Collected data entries
━━━

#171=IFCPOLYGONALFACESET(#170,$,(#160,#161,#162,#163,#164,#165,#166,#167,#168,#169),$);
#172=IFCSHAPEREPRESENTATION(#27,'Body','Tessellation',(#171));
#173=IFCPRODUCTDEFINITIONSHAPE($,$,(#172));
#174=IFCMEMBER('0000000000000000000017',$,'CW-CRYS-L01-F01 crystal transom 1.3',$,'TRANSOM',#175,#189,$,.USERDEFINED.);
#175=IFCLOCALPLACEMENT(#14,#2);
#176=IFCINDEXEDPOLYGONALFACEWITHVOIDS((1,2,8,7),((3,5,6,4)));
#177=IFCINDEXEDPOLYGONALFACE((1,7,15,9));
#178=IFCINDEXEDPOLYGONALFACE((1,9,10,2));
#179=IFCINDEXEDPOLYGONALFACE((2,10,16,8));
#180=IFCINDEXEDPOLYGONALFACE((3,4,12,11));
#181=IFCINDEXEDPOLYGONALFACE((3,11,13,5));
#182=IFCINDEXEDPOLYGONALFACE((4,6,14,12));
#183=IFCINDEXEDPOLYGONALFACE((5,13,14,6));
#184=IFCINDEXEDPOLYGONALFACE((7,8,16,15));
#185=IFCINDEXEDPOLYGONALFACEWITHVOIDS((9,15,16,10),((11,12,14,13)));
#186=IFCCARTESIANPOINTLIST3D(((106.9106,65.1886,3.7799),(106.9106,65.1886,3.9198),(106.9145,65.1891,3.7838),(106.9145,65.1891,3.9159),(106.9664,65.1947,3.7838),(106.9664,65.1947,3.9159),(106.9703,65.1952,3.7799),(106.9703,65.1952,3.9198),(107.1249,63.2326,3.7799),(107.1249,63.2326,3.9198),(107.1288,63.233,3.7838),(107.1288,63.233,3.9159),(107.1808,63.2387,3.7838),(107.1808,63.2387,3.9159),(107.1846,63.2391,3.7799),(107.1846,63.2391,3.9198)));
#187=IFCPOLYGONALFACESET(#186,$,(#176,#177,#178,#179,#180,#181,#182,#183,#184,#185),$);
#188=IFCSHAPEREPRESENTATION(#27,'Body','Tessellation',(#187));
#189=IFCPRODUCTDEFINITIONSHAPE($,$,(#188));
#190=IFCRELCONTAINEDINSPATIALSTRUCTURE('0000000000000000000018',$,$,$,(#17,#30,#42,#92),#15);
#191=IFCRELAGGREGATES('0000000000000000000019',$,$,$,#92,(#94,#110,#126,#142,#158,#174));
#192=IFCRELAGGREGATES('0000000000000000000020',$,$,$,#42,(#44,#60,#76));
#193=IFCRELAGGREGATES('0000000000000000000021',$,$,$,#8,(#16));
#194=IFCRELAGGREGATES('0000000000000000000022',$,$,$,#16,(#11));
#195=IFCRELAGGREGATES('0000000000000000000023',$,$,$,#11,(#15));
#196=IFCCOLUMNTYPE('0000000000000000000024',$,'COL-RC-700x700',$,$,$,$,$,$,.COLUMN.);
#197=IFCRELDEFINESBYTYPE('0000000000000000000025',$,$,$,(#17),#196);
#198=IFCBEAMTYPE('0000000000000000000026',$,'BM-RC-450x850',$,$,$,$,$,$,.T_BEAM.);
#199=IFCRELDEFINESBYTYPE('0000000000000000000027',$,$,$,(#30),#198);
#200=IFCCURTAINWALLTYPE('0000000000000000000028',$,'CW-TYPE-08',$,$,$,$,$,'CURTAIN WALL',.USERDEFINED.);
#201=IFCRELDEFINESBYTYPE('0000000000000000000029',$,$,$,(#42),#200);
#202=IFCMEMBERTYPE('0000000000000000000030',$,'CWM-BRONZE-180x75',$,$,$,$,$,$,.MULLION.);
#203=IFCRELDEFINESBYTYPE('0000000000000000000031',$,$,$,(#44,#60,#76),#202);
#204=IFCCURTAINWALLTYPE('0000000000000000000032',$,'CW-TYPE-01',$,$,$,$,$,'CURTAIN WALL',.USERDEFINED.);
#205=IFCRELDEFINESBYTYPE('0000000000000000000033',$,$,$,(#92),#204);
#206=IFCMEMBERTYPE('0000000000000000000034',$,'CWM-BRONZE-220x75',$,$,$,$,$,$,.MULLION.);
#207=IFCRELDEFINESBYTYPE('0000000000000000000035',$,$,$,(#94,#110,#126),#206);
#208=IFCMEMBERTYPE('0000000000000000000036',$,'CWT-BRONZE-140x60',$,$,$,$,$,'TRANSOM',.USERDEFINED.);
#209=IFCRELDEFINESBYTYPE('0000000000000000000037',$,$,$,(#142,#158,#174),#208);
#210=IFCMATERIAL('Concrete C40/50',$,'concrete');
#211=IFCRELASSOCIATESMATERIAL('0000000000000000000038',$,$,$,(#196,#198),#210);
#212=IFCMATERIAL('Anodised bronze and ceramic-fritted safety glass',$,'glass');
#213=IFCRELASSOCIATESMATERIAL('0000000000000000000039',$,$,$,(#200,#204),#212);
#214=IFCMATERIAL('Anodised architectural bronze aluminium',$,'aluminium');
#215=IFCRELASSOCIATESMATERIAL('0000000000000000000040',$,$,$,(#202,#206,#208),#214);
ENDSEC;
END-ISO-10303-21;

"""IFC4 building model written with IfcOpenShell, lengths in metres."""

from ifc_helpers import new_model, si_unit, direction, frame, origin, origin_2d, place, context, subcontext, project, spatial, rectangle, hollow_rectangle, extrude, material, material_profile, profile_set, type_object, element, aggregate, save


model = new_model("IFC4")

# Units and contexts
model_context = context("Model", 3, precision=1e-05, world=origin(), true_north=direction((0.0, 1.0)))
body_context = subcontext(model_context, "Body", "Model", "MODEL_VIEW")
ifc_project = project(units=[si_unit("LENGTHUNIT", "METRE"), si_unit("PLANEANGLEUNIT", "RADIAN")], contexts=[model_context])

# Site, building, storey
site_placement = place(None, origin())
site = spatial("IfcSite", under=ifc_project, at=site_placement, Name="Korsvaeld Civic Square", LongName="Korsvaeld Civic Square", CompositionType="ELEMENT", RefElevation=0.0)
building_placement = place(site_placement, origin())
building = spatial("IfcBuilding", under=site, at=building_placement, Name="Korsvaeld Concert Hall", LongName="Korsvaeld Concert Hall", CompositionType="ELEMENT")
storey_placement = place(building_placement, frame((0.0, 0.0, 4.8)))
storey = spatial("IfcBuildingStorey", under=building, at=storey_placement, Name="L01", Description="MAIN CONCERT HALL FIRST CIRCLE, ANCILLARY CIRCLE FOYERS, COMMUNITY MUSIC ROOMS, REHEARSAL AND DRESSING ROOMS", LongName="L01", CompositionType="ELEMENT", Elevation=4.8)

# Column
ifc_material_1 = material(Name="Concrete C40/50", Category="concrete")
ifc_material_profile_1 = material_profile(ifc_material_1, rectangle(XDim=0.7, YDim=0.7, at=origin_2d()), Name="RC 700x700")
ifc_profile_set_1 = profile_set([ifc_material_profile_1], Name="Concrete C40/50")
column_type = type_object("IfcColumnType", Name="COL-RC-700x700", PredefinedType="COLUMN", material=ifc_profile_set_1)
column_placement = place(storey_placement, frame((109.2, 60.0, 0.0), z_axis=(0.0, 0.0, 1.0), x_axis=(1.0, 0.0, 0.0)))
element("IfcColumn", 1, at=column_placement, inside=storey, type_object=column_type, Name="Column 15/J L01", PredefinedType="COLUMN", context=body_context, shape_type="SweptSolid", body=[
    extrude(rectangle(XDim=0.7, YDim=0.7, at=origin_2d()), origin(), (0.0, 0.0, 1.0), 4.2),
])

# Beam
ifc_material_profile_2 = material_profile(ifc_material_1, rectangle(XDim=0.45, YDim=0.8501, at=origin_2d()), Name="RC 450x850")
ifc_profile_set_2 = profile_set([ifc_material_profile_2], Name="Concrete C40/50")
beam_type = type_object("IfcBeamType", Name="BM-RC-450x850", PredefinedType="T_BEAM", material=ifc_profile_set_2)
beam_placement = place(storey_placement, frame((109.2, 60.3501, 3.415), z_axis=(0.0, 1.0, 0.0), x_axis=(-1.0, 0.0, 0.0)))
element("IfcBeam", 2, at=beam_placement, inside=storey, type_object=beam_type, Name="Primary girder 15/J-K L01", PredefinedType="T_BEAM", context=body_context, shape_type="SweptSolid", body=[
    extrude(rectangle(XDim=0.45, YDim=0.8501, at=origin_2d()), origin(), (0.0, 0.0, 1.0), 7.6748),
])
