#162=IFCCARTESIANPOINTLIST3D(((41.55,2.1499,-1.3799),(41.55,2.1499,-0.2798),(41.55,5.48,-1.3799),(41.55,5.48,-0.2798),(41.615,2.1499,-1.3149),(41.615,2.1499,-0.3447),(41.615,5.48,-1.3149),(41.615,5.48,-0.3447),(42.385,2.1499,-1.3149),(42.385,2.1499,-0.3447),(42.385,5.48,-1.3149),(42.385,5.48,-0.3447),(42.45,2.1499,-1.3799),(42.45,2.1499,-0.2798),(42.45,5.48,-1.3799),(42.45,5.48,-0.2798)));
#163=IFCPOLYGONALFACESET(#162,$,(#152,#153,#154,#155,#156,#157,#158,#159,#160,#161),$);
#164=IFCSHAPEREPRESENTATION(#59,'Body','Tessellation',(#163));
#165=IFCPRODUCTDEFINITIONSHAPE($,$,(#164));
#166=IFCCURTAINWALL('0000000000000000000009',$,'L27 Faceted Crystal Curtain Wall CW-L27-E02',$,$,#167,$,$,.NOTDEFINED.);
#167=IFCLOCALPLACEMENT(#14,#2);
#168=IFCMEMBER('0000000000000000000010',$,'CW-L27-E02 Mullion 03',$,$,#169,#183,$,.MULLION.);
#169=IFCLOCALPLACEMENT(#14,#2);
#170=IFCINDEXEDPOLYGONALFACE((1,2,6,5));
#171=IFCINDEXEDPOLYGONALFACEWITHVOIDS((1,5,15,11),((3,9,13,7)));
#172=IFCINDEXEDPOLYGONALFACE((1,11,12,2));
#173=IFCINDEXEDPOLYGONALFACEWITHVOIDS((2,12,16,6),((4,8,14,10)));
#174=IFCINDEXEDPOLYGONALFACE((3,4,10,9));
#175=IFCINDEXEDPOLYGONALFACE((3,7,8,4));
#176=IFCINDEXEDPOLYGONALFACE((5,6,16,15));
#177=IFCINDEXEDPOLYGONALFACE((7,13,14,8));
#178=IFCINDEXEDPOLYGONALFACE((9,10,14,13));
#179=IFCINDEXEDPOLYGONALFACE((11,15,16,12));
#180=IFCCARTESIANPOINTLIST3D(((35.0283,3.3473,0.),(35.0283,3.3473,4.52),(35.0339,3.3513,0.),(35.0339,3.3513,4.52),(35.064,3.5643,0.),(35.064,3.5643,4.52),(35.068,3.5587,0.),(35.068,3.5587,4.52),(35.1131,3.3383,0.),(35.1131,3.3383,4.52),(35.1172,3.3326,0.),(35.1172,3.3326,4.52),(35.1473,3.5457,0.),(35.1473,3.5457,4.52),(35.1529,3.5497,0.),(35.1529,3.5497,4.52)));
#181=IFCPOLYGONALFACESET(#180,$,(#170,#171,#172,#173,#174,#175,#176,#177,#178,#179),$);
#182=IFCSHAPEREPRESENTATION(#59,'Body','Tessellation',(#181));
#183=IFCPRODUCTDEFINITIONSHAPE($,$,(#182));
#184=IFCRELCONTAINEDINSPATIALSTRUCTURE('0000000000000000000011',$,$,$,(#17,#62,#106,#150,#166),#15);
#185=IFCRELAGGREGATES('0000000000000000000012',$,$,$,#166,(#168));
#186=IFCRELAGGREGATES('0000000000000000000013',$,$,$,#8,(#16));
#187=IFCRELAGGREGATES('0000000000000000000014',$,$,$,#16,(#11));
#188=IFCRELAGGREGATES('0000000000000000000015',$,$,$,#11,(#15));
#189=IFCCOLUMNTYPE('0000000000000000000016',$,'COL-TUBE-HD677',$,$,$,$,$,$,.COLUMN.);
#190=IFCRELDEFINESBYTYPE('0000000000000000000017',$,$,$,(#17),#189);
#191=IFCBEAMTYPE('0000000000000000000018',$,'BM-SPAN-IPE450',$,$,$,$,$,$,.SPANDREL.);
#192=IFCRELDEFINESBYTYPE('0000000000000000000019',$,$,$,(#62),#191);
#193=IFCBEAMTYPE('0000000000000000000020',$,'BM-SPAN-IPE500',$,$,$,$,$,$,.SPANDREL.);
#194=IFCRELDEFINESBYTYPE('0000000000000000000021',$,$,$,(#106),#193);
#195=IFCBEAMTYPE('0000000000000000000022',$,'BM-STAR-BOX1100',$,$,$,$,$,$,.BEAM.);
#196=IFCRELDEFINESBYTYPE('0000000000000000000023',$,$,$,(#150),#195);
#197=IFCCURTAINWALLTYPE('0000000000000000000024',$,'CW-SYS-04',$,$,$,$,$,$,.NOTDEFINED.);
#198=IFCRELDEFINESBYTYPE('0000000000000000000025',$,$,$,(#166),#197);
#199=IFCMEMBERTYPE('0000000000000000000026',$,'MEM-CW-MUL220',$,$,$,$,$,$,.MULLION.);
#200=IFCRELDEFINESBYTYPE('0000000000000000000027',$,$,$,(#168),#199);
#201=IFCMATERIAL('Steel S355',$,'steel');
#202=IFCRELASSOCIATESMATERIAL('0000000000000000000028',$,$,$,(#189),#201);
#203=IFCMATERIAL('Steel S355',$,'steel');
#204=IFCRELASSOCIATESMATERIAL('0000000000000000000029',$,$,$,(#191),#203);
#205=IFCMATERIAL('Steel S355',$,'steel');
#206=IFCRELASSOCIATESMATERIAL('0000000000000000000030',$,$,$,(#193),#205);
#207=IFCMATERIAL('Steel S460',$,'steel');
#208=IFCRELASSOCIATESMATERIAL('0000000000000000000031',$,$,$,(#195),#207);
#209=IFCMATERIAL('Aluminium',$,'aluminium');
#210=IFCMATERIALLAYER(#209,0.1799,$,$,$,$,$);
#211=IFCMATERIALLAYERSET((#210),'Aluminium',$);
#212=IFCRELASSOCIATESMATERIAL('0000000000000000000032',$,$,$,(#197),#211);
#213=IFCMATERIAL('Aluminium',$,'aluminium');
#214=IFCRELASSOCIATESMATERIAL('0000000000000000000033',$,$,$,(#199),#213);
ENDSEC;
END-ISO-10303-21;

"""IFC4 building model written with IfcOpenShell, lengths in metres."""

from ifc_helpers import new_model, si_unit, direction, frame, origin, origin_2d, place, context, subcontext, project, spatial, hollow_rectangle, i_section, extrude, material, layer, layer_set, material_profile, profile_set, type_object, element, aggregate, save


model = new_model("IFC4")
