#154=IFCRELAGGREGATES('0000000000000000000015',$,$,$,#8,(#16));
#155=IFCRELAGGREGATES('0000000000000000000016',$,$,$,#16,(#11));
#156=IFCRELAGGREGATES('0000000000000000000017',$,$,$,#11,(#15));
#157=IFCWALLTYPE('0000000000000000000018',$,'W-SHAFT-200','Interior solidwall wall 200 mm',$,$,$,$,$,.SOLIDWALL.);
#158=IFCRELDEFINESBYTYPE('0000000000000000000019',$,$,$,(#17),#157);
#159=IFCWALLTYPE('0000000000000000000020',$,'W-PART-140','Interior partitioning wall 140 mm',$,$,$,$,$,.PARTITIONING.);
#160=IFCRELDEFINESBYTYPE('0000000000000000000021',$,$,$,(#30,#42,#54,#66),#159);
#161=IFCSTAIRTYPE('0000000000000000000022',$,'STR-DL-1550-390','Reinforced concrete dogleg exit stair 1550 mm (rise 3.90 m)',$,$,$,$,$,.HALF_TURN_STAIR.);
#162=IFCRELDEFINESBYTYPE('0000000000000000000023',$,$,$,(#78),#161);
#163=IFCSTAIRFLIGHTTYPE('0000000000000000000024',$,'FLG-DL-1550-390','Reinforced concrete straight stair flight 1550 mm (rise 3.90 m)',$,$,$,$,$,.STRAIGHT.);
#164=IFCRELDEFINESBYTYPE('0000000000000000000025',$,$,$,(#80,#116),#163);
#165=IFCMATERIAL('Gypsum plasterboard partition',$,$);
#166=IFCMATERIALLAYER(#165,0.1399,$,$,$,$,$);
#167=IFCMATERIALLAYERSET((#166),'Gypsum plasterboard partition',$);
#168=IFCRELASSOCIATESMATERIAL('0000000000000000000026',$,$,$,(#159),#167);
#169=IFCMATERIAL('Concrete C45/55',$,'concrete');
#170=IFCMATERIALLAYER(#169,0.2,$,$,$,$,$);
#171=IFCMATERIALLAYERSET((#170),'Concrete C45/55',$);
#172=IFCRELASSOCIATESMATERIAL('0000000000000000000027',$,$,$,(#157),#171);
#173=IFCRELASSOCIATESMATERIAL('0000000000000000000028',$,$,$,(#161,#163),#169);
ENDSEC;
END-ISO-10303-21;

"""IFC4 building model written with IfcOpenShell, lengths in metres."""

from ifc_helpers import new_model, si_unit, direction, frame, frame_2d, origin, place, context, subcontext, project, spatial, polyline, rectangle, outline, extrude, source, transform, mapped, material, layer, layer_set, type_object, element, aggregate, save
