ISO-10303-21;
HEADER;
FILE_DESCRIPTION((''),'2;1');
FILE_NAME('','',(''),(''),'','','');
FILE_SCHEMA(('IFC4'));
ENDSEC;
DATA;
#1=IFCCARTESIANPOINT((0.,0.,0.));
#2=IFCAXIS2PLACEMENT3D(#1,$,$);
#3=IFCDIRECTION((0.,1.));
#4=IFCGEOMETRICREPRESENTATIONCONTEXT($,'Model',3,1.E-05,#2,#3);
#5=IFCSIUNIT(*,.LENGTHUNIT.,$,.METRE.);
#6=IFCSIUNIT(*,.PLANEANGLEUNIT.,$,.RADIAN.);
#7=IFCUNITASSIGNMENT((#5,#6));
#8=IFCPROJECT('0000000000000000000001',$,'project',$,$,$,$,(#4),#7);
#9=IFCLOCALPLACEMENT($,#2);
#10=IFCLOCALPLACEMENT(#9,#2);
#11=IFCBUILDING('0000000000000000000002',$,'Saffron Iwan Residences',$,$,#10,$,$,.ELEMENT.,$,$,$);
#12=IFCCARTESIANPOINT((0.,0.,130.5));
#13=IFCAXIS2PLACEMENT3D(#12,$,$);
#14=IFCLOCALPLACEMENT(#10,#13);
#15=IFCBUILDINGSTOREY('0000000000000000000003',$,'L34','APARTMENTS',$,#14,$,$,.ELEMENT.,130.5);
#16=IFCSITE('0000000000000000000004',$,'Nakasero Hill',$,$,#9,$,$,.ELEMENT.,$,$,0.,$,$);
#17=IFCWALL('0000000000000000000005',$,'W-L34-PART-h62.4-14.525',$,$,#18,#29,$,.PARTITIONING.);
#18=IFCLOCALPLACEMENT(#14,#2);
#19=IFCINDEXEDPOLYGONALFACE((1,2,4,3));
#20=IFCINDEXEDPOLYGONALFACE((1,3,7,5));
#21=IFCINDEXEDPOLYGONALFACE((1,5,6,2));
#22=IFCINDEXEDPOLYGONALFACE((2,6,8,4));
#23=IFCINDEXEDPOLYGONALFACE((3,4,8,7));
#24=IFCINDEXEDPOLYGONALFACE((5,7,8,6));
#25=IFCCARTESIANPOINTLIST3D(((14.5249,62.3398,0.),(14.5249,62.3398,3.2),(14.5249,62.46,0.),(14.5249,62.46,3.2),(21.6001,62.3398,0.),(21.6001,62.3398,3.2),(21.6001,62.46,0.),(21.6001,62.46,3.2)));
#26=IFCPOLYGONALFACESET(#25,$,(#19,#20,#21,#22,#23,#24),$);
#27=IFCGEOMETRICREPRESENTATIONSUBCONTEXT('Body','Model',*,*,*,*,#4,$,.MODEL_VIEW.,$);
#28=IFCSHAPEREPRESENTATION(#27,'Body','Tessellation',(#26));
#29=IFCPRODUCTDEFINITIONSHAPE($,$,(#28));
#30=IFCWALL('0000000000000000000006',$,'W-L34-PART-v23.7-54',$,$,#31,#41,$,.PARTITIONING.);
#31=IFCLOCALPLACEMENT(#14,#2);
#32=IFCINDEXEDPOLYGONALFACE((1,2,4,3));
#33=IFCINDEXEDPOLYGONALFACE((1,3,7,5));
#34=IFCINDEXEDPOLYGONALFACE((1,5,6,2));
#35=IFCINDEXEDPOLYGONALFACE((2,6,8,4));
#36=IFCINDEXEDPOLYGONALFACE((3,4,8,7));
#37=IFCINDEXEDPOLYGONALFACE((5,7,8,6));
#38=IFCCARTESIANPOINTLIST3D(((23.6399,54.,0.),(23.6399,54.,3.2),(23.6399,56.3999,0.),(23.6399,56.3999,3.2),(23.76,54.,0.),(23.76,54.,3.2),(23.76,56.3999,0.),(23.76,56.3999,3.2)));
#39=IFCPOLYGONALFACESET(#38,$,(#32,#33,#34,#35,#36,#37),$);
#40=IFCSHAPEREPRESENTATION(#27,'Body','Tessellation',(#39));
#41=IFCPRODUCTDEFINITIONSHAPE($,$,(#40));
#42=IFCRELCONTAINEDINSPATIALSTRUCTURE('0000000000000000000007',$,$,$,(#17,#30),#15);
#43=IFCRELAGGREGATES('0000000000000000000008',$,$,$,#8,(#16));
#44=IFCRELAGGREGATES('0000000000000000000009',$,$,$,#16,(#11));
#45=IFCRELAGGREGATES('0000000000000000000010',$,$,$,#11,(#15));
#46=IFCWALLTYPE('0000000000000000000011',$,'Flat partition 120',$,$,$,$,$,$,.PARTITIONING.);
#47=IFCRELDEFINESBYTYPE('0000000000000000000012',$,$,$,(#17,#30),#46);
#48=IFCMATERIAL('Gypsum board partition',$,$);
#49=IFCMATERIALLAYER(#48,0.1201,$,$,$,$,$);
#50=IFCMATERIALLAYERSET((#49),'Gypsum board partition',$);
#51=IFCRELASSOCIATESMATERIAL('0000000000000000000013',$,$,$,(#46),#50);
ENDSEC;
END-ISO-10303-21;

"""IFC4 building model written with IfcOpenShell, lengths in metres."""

from ifc_helpers import new_model, si_unit, direction, frame, frame_2d, origin, place, context, subcontext, project, spatial, rectangle, extrude, material, layer, layer_set, type_object, element, save


model = new_model("IFC4")

# Units and contexts
model_context = context("Model", 3, precision=1e-05, world=origin(), true_north=direction((0.0, 1.0)))
body_context = subcontext(model_context, "Body", "Model", "MODEL_VIEW")
ifc_project = project(units=[si_unit("LENGTHUNIT", "METRE"), si_unit("PLANEANGLEUNIT", "RADIAN")], contexts=[model_context])

# Site, building, storey
site_placement = place(None, origin())
site = spatial("IfcSite", under=ifc_project, at=site_placement, Name="Nakasero Hill", CompositionType="ELEMENT", RefElevation=0.0)
building_placement = place(site_placement, origin())
building = spatial("IfcBuilding", under=site, at=building_placement, Name="Saffron Iwan Residences", CompositionType="ELEMENT")
storey_placement = place(building_placement, frame((0.0, 0.0, 130.5)))
storey = spatial("IfcBuildingStorey", under=building, at=storey_placement, Name="L34", Description="APARTMENTS", CompositionType="ELEMENT", Elevation=130.5)

# Shared definitions
ifc_material_1 = material(Name="Gypsum board partition")
ifc_layer_1 = layer(ifc_material_1, 0.1201)
ifc_layer_set_1 = layer_set([ifc_layer_1], Name="Gypsum board partition")
wall_type_1 = type_object("IfcWallType", Name="Flat partition 120", PredefinedType="PARTITIONING", material=ifc_layer_set_1)

# Walls
wall_1_placement = place(storey_placement, frame((14.5249, 62.3999, 0.0), z_axis=(0.0, 0.0, 1.0), x_axis=(1.0, 0.0, 0.0)))
element("IfcWall", 1, at=wall_1_placement, inside=storey, type_object=wall_type_1, Name="W-L34-PART-h62.4-14.525", PredefinedType="PARTITIONING", context=body_context, shape_type="SweptSolid", body=[
    extrude(rectangle(XDim=7.0752, YDim=0.1201, at=frame_2d((3.5376, 0.0))), origin(), (0.0, 0.0, 1.0), 3.2),
])
wall_2_placement = place(storey_placement, frame((23.7, 54.0, 0.0), z_axis=(0.0, 0.0, 1.0), x_axis=(0.0, 1.0, 0.0)))
element("IfcWall", 2, at=wall_2_placement, inside=storey, type_object=wall_type_1, Name="W-L34-PART-v23.7-54", PredefinedType="PARTITIONING", context=body_context, shape_type="SweptSolid", body=[
    extrude(rectangle(XDim=2.3999, YDim=0.1201, at=frame_2d((1.2, 0.0))), origin(), (0.0, 0.0, 1.0), 3.2),
])

save(model, "model.ifc")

━━━

Set down each line exactly as it appears, starting at the top of the data and ending at the line containing "#179=IFCINDEXEDPOLYGONALFACE((2,10,16,8));", and include no other lines.

* WRITTEN SOLUTION *
#171=IFCPOLYGONALFACESET(#170,$,(#160,#161,#162,#163,#164,#165,#166,#167,#168,#169),$);
#172=IFCSHAPEREPRESENTATION(#27,'Body','Tessellation',(#171));
#173=IFCPRODUCTDEFINITIONSHAPE($,$,(#172));
#174=IFCMEMBER('0000000000000000000017',$,'CW-CRYS-L01-F01 crystal transom 1.3',$,'TRANSOM',#175,#189,$,.USERDEFINED.);
#175=IFCLOCALPLACEMENT(#14,#2);
#176=IFCINDEXEDPOLYGONALFACEWITHVOIDS((1,2,8,7),((3,5,6,4)));
#177=IFCINDEXEDPOLYGONALFACE((1,7,15,9));
#178=IFCINDEXEDPOLYGONALFACE((1,9,10,2));
#179=IFCINDEXEDPOLYGONALFACE((2,10,16,8));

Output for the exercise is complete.